[Items from a data source]
⁂

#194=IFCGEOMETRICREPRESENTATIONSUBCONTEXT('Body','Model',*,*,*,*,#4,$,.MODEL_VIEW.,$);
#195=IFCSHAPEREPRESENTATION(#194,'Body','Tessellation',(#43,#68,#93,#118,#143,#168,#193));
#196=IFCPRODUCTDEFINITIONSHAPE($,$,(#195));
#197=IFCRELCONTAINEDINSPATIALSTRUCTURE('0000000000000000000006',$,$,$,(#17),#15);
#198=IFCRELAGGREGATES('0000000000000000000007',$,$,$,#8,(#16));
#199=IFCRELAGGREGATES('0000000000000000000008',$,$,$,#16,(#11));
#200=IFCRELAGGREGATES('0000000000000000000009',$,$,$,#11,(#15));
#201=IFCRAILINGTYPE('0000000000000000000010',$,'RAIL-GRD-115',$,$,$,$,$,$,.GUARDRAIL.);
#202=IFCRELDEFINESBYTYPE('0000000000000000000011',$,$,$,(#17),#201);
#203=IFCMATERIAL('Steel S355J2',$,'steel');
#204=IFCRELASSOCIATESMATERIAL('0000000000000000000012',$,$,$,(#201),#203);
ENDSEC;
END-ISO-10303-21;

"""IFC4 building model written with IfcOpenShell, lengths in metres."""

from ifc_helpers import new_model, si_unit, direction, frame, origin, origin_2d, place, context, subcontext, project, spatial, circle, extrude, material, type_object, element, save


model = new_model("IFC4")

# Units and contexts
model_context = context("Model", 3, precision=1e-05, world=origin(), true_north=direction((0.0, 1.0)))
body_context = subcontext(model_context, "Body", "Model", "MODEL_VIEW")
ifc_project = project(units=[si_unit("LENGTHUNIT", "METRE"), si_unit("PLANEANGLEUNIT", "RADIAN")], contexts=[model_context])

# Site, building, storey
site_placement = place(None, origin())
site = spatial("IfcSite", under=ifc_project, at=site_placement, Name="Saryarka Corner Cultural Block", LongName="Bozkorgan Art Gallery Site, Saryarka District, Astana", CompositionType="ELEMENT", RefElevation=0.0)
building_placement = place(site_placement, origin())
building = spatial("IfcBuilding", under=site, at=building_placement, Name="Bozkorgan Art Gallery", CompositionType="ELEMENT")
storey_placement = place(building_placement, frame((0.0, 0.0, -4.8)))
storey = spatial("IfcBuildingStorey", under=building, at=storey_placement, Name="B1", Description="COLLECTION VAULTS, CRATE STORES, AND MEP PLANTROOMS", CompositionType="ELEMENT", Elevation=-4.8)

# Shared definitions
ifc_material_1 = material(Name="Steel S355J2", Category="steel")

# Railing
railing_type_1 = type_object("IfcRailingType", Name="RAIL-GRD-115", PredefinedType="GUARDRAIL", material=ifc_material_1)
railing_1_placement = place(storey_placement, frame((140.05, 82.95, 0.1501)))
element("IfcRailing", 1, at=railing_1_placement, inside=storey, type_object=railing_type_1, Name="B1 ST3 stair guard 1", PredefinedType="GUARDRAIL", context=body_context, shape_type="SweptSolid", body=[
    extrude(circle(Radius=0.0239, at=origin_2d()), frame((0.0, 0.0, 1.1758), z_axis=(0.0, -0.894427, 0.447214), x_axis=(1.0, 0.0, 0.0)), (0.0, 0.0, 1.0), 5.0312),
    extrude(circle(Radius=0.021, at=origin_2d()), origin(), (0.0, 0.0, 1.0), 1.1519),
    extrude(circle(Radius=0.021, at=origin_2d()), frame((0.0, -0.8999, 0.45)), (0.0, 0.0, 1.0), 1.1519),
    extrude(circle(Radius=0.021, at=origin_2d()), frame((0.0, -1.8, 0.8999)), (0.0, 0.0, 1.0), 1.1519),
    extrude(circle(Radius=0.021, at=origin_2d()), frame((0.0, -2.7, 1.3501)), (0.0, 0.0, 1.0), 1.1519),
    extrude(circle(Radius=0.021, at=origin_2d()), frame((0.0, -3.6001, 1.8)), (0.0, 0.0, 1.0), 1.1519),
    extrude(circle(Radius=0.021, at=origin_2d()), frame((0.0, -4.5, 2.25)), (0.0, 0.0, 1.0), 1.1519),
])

⁂

# [Exercise objective]
When you reach the line holding "# Site, building, storey" in the records above, begin reproducing exactly, stop after the line holding "# Shared definitions", and output nothing else.

# [Answer section]
# Site, building, storey
site_placement = place(None, origin())
site = spatial("IfcSite", under=ifc_project, at=site_placement, Name="Saryarka Corner Cultural Block", LongName="Bozkorgan Art Gallery Site, Saryarka District, Astana", CompositionType="ELEMENT", RefElevation=0.0)
building_placement = place(site_placement, origin())
building = spatial("IfcBuilding", under=site, at=building_placement, Name="Bozkorgan Art Gallery", CompositionType="ELEMENT")
storey_placement = place(building_placement, frame((0.0, 0.0, -4.8)))
storey = spatial("IfcBuildingStorey", under=building, at=storey_placement, Name="B1", Description="COLLECTION VAULTS, CRATE STORES, AND MEP PLANTROOMS", CompositionType="ELEMENT", Elevation=-4.8)

# Shared definitions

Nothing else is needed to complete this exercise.